━━━ PROVIDED INFORMATION ━━━

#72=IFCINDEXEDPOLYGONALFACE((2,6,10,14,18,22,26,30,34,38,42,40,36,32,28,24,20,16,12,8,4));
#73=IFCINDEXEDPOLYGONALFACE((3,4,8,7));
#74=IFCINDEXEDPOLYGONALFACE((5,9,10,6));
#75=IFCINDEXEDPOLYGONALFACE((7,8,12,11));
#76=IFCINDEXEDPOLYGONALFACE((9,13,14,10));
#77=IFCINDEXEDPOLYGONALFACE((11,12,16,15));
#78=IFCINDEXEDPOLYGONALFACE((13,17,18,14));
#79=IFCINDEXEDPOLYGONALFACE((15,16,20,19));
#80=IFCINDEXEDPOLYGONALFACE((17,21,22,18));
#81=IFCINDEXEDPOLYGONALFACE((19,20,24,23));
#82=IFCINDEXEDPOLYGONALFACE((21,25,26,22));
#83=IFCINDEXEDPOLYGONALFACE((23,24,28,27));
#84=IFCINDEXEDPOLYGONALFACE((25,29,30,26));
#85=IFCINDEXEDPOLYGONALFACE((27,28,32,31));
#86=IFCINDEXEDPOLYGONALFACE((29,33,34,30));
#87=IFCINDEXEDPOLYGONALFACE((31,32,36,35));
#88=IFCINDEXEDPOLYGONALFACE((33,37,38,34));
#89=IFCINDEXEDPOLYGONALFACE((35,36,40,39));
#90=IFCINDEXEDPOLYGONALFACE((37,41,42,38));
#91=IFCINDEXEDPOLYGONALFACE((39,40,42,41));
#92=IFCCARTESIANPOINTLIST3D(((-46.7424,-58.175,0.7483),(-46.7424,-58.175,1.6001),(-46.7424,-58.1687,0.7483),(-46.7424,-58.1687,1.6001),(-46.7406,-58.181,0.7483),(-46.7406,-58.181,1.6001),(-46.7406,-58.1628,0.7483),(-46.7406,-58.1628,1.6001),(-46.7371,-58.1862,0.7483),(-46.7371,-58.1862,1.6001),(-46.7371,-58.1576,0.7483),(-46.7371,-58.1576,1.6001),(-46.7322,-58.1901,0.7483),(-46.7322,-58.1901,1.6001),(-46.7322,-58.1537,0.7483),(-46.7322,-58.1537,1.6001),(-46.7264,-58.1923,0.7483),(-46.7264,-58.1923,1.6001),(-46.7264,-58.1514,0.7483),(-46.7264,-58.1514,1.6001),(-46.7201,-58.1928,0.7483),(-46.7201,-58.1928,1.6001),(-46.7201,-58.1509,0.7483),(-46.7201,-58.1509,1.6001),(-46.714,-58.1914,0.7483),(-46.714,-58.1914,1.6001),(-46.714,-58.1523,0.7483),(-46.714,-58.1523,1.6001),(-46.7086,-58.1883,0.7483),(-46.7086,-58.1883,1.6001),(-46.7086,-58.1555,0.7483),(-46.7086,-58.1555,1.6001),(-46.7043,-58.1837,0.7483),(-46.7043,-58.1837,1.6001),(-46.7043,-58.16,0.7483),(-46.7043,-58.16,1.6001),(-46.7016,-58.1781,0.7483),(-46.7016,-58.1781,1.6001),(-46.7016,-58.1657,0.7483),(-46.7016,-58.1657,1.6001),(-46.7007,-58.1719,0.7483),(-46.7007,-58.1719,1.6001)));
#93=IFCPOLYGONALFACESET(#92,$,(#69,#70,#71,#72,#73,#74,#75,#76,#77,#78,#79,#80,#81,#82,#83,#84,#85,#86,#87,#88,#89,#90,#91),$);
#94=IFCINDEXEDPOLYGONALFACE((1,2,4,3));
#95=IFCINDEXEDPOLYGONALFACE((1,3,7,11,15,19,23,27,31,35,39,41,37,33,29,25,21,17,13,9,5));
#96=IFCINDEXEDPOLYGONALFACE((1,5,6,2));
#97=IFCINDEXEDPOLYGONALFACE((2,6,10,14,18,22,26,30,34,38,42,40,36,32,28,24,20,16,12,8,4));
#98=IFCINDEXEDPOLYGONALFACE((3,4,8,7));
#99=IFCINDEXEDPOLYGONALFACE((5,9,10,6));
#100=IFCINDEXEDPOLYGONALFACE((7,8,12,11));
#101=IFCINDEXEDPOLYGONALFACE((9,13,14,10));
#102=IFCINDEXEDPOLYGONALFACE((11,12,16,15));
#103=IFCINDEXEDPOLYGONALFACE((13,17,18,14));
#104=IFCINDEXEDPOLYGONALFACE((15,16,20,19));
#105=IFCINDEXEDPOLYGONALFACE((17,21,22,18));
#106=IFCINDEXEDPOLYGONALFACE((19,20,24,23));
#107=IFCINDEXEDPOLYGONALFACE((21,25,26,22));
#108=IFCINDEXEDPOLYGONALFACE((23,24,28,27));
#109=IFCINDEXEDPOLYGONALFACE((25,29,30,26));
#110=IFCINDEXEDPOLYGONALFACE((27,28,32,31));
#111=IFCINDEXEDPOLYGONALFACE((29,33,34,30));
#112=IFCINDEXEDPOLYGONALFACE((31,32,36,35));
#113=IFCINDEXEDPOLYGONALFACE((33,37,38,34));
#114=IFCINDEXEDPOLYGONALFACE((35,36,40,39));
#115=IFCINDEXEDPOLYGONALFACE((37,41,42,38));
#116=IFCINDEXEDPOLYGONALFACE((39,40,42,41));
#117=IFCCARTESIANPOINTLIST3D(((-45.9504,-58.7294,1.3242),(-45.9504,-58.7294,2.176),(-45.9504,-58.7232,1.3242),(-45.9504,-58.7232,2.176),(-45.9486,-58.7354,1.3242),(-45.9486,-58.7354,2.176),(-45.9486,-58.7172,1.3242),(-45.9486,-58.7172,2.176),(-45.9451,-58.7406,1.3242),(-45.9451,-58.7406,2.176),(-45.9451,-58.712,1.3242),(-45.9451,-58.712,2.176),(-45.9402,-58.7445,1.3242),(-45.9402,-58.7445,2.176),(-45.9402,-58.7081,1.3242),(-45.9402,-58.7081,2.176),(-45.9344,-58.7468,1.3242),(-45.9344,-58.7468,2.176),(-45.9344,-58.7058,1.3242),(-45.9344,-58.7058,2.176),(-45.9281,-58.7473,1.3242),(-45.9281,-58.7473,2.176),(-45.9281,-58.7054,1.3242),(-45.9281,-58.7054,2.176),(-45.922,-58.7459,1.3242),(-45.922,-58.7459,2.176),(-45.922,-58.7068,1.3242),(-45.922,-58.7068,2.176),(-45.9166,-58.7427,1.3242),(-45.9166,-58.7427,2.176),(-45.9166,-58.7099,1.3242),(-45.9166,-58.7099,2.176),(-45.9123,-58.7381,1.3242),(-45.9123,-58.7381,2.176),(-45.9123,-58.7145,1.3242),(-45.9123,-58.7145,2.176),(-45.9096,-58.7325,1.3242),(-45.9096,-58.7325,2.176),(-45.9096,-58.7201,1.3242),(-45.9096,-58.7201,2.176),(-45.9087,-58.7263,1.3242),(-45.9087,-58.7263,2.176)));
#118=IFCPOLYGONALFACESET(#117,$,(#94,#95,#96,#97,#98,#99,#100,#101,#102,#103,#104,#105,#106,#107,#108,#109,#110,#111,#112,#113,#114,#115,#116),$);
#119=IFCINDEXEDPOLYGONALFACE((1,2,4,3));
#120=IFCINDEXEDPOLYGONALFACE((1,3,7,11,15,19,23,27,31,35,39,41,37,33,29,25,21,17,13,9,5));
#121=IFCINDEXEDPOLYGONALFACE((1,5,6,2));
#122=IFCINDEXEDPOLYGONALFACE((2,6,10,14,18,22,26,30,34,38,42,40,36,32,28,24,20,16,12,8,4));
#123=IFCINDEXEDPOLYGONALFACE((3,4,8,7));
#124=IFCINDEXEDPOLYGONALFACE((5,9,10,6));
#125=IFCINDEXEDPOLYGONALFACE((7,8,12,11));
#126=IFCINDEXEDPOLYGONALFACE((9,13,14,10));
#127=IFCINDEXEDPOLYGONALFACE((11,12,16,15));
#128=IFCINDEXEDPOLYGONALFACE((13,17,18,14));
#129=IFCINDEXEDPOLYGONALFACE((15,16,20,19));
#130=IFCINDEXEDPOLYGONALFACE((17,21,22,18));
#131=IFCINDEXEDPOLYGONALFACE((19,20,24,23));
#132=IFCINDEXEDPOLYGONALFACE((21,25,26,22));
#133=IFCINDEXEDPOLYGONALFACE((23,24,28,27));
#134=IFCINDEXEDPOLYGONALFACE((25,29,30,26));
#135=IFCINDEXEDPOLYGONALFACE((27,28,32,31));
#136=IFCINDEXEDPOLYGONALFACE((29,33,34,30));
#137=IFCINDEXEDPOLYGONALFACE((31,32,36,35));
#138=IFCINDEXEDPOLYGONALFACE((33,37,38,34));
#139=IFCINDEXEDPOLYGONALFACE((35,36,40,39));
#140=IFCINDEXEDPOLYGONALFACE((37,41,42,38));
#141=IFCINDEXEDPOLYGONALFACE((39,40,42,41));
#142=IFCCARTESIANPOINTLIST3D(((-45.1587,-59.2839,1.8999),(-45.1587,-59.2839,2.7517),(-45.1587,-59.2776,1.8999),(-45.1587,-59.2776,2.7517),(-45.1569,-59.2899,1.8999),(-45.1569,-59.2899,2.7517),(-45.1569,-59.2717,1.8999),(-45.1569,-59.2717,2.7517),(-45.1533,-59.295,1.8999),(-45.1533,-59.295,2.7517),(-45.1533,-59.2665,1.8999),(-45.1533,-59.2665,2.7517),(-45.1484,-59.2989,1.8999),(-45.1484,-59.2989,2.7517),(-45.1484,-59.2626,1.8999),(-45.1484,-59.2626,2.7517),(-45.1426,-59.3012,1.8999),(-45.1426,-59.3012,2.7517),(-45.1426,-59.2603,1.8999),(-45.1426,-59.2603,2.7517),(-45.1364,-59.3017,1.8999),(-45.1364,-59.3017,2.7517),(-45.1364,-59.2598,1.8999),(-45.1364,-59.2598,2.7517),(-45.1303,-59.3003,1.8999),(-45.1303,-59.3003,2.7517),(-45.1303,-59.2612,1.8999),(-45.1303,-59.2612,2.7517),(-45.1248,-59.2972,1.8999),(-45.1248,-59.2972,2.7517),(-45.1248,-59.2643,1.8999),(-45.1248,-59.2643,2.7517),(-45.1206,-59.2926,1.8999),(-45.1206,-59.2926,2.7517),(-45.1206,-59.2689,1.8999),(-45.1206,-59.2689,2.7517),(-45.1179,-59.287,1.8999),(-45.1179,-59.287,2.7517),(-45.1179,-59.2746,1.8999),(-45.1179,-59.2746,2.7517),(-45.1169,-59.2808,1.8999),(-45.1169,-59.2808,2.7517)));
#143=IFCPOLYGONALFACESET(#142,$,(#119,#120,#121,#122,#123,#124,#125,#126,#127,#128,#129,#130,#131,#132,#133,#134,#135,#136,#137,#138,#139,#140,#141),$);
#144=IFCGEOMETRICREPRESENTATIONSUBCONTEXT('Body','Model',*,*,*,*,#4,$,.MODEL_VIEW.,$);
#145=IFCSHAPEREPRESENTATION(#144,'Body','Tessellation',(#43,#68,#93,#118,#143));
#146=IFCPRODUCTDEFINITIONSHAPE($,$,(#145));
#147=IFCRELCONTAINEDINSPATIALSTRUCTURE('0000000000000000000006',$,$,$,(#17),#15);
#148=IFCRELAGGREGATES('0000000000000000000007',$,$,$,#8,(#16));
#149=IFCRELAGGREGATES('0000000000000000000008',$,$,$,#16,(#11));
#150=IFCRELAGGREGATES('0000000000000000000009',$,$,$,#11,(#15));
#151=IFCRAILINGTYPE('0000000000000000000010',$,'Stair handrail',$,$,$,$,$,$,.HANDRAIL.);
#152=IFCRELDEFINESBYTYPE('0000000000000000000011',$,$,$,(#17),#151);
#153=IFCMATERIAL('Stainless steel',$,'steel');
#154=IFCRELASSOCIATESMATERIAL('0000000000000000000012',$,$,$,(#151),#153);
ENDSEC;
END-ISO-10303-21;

━━━

* TASK ITEM: Write out exactly the lines starting with the one that holds "#146=IFCPRODUCTDEFINITIONSHAPE($,$,(#145));" and running through the last line above.

* SOLUTION TO THE PROBLEM:
#146=IFCPRODUCTDEFINITIONSHAPE($,$,(#145));
#147=IFCRELCONTAINEDINSPATIALSTRUCTURE('0000000000000000000006',$,$,$,(#17),#15);
#148=IFCRELAGGREGATES('0000000000000000000007',$,$,$,#8,(#16));
#149=IFCRELAGGREGATES('0000000000000000000008',$,$,$,#16,(#11));
#150=IFCRELAGGREGATES('0000000000000000000009',$,$,$,#11,(#15));
#151=IFCRAILINGTYPE('0000000000000000000010',$,'Stair handrail',$,$,$,$,$,$,.HANDRAIL.);
#152=IFCRELDEFINESBYTYPE('0000000000000000000011',$,$,$,(#17),#151);
#153=IFCMATERIAL('Stainless steel',$,'steel');
#154=IFCRELASSOCIATESMATERIAL('0000000000000000000012',$,$,$,(#151),#153);
ENDSEC;
END-ISO-10303-21;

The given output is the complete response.